Exercise instructions: All that should be output is the block of lines below from the line with "#110=IFCINDEXEDPOLYGONALFACE((73,74,76,75));" to the line with "#7=IFCUNITASSIGNMENT((#5,#6));", both included, exactly as written.
Source records START
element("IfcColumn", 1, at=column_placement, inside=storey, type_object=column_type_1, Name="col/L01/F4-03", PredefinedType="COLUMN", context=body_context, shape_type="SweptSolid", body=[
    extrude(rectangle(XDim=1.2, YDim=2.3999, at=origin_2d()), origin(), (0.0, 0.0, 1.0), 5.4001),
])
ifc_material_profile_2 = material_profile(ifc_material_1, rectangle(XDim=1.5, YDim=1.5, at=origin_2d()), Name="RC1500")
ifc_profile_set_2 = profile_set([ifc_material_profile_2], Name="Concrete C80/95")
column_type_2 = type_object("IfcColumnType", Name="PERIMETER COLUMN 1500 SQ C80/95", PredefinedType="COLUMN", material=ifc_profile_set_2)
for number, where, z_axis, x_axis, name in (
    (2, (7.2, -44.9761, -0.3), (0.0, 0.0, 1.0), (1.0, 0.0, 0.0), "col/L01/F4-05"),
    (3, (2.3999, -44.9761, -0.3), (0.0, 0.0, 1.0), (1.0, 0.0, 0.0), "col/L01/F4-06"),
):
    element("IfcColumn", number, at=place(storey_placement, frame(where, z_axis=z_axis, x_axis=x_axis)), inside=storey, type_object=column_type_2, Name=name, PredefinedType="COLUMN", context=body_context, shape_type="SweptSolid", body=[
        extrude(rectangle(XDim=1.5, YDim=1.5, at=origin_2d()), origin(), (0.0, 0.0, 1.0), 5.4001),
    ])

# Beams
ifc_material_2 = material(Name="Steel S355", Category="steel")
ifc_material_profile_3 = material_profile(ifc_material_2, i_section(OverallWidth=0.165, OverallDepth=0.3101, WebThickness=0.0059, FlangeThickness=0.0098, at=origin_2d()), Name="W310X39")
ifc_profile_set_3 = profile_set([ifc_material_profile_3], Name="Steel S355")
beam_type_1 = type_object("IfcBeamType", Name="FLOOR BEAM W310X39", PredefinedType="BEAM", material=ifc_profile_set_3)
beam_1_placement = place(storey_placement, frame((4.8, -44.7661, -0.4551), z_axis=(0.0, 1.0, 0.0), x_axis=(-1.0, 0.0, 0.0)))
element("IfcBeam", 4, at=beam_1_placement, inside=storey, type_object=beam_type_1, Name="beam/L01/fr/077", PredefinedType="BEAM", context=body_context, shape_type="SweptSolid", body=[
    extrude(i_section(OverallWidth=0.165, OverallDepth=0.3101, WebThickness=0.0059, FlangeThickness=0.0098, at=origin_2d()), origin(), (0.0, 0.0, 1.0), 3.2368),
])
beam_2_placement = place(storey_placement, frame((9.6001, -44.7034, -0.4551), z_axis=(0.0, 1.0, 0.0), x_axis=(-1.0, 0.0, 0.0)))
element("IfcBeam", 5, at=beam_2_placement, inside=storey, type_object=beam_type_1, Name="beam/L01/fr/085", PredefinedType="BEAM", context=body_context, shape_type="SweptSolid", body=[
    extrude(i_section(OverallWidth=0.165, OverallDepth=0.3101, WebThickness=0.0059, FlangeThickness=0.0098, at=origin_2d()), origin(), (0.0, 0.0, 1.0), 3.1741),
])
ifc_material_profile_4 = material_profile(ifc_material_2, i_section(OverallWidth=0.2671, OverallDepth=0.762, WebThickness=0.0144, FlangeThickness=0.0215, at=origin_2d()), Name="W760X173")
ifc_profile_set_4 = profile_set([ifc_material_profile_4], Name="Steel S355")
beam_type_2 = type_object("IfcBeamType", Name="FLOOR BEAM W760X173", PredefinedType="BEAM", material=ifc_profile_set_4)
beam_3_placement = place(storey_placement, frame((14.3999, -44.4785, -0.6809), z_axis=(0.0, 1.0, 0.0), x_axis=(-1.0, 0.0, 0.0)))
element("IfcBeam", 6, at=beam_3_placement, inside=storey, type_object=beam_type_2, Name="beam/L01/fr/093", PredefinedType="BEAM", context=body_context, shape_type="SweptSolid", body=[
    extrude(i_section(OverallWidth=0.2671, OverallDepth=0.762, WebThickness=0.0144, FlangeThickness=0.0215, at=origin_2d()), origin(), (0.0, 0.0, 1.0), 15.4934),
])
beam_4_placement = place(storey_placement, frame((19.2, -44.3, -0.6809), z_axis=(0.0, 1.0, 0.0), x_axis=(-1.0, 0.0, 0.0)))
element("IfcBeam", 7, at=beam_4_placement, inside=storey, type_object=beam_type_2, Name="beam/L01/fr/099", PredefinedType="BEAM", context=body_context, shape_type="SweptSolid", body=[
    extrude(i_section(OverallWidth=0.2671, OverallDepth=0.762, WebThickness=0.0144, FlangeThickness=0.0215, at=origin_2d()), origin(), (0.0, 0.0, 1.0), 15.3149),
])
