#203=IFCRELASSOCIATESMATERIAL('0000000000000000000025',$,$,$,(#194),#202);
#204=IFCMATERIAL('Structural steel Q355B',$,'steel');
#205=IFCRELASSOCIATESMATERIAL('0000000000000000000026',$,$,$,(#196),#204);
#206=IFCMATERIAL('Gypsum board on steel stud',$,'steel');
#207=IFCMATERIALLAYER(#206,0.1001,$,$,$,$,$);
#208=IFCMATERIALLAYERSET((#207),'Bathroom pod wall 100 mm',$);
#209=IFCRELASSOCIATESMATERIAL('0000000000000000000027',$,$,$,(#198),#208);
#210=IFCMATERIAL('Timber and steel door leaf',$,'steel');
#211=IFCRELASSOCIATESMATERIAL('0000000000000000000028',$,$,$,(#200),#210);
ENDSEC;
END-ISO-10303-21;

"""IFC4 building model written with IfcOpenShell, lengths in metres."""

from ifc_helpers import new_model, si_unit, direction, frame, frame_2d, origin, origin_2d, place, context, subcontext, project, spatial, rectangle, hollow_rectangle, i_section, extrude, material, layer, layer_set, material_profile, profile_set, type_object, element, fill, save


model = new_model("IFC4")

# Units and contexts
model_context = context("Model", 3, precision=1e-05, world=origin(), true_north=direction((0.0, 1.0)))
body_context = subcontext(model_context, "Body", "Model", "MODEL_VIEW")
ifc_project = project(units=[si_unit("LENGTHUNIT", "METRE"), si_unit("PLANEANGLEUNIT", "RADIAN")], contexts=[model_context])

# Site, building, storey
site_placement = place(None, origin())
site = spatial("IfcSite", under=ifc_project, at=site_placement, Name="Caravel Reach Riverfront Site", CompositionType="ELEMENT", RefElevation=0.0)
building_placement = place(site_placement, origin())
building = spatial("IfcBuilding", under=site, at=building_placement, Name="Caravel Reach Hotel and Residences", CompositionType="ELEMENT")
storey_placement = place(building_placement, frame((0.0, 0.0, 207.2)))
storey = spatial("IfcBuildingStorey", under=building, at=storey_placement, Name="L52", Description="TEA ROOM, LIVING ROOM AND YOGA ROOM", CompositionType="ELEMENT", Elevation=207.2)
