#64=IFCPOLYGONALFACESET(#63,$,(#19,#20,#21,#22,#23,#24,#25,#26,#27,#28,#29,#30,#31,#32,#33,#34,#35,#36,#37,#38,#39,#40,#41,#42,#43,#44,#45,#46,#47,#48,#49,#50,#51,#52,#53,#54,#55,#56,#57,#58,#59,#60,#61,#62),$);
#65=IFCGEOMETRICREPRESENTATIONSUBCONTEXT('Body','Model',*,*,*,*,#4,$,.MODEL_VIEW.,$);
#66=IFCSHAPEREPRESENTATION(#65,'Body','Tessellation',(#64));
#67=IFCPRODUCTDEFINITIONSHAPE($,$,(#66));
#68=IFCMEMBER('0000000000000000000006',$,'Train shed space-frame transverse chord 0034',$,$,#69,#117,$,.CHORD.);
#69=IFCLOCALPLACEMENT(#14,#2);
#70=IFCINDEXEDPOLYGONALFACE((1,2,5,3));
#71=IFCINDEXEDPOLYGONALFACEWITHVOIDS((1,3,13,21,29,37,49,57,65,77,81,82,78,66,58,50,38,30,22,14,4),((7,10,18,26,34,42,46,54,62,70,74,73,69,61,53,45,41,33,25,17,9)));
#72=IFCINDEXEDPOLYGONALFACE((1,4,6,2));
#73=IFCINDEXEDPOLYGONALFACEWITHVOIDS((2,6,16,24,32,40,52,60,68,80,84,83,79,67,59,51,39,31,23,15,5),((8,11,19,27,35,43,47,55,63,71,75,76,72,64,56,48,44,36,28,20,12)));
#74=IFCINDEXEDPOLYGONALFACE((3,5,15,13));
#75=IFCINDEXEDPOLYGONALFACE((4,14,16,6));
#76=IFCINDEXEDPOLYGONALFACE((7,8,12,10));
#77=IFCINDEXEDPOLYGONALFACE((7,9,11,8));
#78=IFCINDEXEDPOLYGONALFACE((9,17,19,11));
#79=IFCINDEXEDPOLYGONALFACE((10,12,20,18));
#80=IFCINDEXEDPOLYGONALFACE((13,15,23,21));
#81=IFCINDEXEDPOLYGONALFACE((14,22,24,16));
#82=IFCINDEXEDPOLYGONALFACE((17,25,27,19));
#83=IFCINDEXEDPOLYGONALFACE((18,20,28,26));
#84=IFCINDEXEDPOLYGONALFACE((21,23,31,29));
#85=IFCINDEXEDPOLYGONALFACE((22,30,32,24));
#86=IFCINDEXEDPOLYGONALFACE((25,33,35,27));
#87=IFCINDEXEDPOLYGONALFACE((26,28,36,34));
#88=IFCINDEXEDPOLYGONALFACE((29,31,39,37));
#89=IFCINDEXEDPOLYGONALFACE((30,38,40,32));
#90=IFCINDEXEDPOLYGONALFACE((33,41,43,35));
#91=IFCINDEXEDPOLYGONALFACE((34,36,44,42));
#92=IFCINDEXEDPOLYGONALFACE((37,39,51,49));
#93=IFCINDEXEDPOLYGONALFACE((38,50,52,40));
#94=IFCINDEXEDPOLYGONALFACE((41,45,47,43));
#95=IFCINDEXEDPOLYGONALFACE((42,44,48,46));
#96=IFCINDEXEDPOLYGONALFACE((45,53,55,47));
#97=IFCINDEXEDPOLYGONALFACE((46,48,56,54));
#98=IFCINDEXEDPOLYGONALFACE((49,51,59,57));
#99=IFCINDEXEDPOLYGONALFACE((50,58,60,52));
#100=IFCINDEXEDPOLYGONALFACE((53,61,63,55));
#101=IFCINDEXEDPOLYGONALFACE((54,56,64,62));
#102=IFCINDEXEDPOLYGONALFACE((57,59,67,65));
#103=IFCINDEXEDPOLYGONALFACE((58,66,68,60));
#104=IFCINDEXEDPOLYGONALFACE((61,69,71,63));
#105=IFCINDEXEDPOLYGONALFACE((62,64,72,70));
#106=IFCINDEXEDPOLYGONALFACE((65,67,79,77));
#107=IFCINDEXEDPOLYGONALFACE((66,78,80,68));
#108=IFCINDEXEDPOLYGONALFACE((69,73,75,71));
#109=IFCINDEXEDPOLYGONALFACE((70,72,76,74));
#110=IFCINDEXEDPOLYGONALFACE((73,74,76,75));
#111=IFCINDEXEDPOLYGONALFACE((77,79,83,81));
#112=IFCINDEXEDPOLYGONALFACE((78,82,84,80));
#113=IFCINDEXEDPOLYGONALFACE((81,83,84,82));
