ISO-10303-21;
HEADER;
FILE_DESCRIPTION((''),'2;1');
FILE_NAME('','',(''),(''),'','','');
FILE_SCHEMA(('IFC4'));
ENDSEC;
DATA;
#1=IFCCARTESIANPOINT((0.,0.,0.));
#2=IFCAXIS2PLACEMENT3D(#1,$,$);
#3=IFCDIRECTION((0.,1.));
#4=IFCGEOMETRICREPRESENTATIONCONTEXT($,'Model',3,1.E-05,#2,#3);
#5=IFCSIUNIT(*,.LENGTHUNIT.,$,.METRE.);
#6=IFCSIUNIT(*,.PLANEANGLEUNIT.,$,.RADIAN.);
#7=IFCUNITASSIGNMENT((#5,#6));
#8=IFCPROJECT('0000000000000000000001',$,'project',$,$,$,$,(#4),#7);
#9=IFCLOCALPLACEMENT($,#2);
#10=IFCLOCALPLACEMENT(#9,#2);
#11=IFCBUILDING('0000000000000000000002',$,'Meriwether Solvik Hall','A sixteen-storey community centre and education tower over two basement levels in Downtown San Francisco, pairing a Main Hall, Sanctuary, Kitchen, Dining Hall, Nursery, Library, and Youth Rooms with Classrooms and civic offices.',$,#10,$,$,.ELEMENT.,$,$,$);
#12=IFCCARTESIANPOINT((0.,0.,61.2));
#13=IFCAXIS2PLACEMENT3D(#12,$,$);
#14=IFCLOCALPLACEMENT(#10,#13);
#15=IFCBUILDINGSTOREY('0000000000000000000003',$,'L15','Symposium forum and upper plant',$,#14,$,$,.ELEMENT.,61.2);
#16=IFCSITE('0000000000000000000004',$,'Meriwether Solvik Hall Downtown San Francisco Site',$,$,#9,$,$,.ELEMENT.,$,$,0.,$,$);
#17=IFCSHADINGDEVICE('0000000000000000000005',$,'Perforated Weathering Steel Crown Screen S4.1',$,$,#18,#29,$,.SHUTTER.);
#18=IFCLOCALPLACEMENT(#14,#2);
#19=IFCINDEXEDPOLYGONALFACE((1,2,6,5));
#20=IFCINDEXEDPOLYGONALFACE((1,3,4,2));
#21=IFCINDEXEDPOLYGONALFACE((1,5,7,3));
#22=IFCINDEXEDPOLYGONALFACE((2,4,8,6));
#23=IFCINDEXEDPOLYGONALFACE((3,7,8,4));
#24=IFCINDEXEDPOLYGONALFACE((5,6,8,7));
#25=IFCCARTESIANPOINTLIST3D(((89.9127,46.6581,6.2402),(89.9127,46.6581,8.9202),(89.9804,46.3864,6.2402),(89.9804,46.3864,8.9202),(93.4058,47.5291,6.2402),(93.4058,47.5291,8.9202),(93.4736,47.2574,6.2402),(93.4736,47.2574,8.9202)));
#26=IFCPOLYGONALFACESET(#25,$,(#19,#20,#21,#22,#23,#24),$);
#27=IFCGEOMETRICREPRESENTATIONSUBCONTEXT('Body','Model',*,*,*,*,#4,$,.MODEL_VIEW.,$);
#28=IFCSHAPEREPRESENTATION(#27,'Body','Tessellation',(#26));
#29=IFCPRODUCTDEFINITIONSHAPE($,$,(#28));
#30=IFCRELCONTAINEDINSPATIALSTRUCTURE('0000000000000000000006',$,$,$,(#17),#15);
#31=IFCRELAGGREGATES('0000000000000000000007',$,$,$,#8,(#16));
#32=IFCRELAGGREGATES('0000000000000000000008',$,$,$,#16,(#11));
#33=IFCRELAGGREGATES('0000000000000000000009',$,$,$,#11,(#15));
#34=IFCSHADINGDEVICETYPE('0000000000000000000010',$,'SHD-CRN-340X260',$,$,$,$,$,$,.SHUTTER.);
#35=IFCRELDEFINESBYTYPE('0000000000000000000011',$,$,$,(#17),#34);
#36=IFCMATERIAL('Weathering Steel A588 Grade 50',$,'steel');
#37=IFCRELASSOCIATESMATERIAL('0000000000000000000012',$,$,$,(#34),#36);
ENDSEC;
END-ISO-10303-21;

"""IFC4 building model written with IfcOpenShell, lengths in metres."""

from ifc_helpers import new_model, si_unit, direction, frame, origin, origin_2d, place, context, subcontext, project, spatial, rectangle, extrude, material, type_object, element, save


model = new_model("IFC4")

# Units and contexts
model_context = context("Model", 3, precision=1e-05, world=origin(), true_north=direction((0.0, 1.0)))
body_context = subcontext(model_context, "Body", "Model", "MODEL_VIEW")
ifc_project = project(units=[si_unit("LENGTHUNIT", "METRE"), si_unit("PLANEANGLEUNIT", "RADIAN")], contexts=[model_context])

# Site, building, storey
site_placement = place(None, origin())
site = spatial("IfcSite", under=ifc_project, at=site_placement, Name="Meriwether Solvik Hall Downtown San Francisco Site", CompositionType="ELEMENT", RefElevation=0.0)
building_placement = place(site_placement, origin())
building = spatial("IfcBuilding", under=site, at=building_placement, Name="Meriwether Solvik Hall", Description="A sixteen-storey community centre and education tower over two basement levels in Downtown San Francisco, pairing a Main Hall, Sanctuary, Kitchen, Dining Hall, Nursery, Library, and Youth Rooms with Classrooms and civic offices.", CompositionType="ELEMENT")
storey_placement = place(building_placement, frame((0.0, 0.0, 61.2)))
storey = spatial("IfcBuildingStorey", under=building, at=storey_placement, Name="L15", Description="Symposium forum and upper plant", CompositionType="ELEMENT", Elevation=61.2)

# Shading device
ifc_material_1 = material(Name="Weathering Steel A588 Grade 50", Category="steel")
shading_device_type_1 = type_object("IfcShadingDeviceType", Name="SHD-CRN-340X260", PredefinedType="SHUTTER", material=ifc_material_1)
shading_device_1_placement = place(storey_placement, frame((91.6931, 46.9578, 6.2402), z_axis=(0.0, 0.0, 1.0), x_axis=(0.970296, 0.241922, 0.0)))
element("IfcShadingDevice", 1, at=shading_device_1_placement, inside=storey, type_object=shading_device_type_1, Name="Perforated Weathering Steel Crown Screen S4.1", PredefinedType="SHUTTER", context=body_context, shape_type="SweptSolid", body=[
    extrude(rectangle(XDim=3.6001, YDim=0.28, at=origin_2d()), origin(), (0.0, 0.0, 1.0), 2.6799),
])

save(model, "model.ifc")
Source records END
Source records START
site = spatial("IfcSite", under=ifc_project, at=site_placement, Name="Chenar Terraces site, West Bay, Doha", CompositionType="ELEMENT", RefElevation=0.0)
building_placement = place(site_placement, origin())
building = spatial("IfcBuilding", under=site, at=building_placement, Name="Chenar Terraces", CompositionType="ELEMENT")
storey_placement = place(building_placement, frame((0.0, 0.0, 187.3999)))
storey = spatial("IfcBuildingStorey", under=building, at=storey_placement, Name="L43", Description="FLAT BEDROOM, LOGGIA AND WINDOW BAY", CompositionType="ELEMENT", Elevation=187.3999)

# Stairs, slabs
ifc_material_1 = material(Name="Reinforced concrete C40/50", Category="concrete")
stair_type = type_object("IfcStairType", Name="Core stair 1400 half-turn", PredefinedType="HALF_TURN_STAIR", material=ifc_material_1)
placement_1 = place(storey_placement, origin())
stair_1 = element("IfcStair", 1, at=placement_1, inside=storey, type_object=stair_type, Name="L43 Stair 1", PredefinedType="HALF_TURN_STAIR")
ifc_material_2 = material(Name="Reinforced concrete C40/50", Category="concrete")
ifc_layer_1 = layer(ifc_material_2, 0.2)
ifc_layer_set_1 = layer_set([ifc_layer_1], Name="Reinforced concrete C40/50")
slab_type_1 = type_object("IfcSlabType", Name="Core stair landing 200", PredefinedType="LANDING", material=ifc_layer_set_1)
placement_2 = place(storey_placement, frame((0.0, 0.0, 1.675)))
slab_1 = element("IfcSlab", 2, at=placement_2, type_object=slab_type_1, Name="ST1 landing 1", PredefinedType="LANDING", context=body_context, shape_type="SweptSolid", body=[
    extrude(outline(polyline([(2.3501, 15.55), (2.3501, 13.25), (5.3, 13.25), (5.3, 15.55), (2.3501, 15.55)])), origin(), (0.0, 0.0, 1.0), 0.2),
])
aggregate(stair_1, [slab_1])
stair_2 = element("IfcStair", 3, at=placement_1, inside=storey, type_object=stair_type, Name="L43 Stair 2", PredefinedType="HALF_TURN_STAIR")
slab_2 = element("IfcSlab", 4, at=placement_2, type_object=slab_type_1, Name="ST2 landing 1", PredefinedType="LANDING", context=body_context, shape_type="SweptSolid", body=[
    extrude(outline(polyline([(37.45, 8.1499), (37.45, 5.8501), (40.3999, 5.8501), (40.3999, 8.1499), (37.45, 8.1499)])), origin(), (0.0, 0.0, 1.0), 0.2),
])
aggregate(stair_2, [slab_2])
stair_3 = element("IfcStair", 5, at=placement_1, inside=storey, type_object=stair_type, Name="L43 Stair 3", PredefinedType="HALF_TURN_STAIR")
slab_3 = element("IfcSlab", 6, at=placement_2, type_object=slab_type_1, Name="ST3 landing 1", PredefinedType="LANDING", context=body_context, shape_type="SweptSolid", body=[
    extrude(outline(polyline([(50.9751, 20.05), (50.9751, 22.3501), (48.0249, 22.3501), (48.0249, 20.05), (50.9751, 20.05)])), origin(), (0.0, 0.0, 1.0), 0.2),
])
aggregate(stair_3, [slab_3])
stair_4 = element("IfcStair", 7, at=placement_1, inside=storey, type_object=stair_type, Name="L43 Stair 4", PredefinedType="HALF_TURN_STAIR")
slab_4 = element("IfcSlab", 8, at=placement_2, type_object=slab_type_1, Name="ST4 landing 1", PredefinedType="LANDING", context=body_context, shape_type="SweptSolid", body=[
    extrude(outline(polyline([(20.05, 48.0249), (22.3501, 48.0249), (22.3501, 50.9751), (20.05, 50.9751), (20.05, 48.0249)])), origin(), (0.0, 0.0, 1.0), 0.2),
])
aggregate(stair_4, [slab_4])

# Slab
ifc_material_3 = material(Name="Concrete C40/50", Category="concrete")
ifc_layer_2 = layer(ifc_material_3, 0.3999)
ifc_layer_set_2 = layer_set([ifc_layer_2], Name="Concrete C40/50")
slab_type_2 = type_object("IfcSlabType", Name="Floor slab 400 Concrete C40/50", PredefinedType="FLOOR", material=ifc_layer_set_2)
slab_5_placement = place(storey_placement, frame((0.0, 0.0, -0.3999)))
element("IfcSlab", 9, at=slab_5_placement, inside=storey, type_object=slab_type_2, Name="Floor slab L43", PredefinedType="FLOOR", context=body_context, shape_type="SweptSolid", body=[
Source records END
Solution to this exercise:
#110=IFCINDEXEDPOLYGONALFACE((73,74,76,75));
#111=IFCINDEXEDPOLYGONALFACE((77,79,83,81));
#112=IFCINDEXEDPOLYGONALFACE((78,82,84,80));
#113=IFCINDEXEDPOLYGONALFACE((81,83,84,82));
ISO-10303-21;
HEADER;
FILE_DESCRIPTION((''),'2;1');
FILE_NAME('','',(''),(''),'','','');
FILE_SCHEMA(('IFC4'));
ENDSEC;
DATA;
#1=IFCCARTESIANPOINT((0.,0.,0.));
#2=IFCAXIS2PLACEMENT3D(#1,$,$);
#3=IFCDIRECTION((0.,1.));
#4=IFCGEOMETRICREPRESENTATIONCONTEXT($,'Model',3,1.E-05,#2,#3);
#5=IFCSIUNIT(*,.LENGTHUNIT.,$,.METRE.);
#6=IFCSIUNIT(*,.PLANEANGLEUNIT.,$,.RADIAN.);
#7=IFCUNITASSIGNMENT((#5,#6));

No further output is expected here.